Assigned task – Your answer should be the exact lines of the records, starting with the one containing "# Shared definitions" and running to the end.

════

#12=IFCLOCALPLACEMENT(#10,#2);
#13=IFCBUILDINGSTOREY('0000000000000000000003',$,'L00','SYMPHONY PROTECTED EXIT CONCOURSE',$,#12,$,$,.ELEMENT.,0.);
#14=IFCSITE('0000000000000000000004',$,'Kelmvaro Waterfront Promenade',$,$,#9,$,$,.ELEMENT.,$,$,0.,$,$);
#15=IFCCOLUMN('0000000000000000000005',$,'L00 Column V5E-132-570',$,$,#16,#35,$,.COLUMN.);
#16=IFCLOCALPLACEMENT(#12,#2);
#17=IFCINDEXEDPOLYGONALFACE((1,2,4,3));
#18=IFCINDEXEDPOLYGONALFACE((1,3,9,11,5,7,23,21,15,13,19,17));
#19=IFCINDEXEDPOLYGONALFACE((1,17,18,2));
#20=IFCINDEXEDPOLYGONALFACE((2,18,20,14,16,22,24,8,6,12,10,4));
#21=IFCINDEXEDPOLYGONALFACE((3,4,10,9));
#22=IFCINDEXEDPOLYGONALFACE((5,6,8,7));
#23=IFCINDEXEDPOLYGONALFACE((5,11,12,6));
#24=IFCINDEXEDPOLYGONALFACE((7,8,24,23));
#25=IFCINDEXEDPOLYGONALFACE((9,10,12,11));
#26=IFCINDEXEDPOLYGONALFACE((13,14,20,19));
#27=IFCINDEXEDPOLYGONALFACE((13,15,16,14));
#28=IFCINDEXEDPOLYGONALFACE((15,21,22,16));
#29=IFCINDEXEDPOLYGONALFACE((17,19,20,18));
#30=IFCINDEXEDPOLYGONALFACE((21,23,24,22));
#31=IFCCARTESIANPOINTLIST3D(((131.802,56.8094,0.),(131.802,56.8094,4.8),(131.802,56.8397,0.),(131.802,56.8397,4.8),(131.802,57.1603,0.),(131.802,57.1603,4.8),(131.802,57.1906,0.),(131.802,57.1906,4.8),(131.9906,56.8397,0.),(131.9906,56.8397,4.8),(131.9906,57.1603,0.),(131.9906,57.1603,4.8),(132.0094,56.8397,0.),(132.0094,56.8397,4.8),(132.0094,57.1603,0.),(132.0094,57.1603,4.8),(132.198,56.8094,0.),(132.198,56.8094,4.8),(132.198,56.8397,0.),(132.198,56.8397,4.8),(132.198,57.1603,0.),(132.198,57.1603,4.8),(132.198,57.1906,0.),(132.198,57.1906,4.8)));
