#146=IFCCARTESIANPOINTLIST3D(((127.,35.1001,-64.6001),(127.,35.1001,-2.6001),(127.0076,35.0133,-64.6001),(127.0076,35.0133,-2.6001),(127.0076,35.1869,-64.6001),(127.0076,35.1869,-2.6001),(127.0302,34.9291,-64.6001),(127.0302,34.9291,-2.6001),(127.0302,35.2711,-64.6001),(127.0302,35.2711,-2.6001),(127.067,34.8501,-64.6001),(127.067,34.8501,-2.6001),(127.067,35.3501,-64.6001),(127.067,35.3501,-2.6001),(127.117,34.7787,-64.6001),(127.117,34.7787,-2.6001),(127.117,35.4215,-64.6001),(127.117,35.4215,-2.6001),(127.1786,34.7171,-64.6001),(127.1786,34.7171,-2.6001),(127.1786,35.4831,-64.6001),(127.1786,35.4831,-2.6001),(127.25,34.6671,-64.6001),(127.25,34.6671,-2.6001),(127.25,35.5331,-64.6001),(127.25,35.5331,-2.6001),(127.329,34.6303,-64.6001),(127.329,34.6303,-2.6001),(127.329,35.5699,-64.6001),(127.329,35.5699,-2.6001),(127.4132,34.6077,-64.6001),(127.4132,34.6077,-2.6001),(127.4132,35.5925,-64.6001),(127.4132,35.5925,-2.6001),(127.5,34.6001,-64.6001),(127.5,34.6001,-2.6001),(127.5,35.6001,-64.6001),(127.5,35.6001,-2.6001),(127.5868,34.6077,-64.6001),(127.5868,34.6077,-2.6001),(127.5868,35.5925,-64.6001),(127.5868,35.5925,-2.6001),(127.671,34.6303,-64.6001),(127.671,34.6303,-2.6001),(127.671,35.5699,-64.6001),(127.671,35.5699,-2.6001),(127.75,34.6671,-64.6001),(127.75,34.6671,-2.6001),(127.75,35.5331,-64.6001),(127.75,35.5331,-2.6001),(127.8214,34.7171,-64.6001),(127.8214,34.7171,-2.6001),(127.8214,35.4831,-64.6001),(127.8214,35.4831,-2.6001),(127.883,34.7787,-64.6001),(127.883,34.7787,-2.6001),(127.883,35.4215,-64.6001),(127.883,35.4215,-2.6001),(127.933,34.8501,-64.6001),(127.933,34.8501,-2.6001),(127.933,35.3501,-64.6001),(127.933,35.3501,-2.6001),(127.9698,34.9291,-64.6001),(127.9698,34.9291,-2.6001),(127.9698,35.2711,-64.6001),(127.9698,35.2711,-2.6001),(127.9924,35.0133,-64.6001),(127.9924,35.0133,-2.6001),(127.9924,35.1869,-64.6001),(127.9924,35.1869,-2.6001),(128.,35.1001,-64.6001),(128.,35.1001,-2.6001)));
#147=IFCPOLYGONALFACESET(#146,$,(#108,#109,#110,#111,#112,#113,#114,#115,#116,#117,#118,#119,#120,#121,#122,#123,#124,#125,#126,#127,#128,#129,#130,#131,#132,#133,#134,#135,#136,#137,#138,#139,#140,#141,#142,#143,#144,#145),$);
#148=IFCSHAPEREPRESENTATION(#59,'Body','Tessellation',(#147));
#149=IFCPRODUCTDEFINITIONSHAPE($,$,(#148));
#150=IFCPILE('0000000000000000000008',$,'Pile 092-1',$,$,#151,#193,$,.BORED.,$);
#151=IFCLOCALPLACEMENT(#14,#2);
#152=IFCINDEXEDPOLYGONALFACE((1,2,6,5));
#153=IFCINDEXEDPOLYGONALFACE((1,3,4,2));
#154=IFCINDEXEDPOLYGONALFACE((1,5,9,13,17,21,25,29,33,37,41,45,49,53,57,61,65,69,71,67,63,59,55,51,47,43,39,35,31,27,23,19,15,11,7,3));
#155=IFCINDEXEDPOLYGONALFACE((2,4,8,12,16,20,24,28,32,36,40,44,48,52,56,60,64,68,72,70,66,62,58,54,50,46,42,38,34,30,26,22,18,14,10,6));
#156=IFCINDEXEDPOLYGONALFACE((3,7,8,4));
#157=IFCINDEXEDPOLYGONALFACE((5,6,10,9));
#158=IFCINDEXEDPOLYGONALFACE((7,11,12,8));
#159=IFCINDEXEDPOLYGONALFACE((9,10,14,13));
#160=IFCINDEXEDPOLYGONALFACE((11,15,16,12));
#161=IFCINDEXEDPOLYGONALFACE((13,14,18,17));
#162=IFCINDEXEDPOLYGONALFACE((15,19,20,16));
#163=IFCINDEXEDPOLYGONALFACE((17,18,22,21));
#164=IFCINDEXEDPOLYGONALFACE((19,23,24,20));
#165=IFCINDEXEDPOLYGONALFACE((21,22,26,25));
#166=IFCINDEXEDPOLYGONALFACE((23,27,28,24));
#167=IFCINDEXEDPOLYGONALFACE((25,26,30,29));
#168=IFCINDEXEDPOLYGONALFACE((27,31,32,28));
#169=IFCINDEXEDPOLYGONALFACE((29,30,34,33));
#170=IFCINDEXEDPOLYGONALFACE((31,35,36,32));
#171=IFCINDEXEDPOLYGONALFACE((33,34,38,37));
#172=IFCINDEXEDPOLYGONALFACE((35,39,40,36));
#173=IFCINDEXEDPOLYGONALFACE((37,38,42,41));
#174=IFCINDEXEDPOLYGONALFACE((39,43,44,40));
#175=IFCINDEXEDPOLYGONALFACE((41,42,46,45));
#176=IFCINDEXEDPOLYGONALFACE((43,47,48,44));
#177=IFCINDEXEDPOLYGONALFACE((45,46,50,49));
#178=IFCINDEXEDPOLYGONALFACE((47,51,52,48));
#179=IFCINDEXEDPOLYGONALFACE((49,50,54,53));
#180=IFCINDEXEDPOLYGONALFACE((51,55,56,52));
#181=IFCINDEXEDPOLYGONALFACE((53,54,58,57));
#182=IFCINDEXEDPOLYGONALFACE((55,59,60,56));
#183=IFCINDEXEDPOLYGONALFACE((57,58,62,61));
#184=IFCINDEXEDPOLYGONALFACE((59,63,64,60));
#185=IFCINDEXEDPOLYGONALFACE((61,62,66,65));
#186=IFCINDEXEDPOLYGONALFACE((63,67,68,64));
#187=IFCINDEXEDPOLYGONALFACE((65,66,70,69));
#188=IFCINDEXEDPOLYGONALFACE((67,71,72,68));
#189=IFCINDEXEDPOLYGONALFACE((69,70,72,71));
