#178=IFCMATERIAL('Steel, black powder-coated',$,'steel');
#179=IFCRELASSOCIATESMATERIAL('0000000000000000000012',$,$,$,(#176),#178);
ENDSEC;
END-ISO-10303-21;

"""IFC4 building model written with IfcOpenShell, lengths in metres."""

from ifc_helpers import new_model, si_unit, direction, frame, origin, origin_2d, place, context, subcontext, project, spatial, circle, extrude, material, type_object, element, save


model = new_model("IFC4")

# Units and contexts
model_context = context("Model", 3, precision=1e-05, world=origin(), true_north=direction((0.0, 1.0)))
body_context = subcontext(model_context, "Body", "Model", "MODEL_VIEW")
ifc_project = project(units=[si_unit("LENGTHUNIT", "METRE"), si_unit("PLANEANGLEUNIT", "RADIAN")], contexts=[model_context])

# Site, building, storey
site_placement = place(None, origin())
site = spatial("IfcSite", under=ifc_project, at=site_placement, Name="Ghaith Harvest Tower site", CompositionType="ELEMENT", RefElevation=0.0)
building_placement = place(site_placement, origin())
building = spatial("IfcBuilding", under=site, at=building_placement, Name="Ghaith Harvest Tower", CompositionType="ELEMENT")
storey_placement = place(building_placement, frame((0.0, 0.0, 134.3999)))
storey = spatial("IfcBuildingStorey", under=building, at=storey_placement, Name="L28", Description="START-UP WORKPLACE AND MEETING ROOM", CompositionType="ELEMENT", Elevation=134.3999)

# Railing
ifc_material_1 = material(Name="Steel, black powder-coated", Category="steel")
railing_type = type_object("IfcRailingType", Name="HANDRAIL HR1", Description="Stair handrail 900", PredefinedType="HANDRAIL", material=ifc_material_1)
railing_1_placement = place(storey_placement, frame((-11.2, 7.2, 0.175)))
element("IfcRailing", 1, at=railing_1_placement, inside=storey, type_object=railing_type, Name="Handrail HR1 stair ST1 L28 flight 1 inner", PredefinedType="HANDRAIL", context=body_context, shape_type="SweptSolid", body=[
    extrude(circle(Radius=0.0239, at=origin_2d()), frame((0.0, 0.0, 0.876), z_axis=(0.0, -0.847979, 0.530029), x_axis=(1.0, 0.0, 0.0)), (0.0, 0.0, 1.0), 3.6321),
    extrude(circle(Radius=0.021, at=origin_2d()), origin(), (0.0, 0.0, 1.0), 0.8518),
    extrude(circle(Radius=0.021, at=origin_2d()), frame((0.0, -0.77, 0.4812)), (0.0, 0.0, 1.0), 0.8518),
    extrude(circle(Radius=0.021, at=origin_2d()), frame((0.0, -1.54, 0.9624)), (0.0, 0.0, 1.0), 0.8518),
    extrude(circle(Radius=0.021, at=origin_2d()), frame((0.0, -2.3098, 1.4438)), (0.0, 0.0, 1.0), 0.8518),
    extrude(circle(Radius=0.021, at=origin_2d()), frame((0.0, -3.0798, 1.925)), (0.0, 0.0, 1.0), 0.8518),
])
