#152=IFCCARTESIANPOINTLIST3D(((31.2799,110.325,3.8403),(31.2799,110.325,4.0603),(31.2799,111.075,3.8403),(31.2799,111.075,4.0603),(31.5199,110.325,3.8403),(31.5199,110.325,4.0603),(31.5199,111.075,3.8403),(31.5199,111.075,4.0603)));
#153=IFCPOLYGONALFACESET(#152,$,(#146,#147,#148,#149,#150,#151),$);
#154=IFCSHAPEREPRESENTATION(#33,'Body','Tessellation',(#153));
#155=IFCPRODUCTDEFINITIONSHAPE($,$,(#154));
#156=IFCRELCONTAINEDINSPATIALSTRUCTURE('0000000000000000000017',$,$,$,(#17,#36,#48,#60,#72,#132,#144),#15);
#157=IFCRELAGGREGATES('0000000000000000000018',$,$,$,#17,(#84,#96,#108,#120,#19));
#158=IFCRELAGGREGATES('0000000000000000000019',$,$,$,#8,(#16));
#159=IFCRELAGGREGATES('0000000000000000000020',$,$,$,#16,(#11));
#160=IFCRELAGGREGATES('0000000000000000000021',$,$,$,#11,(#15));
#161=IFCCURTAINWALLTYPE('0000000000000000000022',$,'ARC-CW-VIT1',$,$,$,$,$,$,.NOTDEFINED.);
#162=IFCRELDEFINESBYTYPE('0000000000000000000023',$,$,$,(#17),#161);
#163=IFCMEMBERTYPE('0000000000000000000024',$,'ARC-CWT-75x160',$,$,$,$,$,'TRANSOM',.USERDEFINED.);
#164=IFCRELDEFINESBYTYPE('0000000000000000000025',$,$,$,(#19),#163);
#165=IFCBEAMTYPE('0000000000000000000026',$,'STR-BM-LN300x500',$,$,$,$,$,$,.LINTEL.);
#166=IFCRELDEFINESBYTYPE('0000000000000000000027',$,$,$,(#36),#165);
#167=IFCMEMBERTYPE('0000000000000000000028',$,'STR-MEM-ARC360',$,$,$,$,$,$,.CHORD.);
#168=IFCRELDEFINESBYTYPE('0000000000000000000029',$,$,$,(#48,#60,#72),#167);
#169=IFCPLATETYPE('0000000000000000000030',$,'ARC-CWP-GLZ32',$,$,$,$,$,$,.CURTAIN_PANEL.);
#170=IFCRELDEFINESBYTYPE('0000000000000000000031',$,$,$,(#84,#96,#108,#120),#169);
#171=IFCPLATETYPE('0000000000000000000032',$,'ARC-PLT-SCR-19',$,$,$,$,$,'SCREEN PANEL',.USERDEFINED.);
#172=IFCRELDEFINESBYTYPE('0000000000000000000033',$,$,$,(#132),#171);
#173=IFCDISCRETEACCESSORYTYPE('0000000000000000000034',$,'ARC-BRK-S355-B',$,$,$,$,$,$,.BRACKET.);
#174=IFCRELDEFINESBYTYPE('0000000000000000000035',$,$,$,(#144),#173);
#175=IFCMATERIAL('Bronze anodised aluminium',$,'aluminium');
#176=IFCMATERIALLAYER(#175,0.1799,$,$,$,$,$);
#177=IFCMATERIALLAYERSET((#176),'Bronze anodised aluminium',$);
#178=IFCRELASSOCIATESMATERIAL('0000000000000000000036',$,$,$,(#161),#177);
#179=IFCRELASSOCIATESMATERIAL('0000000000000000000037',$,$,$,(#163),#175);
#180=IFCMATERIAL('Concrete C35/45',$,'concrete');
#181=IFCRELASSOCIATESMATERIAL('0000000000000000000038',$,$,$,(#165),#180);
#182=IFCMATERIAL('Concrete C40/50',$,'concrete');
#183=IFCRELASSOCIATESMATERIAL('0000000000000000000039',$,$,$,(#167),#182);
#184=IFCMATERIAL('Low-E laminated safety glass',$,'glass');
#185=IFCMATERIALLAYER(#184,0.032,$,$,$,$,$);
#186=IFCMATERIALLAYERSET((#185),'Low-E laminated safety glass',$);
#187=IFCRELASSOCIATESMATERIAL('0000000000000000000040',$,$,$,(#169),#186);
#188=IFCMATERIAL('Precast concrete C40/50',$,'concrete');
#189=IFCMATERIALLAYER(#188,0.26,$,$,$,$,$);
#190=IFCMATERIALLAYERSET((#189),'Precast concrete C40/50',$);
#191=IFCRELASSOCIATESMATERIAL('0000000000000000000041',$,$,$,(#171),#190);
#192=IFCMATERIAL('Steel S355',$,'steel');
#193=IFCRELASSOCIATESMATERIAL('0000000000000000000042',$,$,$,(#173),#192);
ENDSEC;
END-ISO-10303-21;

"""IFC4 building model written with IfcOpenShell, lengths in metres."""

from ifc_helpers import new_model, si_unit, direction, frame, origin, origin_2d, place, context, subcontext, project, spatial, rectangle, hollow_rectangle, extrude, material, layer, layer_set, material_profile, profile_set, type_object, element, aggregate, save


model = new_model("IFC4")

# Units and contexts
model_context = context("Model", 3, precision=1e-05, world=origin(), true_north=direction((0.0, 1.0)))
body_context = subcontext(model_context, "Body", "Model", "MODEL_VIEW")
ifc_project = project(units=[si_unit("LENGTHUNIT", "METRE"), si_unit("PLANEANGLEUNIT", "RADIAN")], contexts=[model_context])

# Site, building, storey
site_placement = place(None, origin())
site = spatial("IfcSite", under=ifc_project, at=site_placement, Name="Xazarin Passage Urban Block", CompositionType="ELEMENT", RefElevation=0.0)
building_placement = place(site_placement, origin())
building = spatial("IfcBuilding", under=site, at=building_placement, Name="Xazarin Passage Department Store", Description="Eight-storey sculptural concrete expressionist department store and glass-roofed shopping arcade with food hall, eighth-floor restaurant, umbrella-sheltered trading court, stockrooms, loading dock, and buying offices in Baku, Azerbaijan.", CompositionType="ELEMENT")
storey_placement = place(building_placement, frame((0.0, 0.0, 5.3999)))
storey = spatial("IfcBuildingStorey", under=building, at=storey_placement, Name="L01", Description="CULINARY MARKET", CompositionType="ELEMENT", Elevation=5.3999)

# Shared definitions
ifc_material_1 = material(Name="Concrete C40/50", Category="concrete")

════

Response –
# Shared definitions
ifc_material_1 = material(Name="Concrete C40/50", Category="concrete")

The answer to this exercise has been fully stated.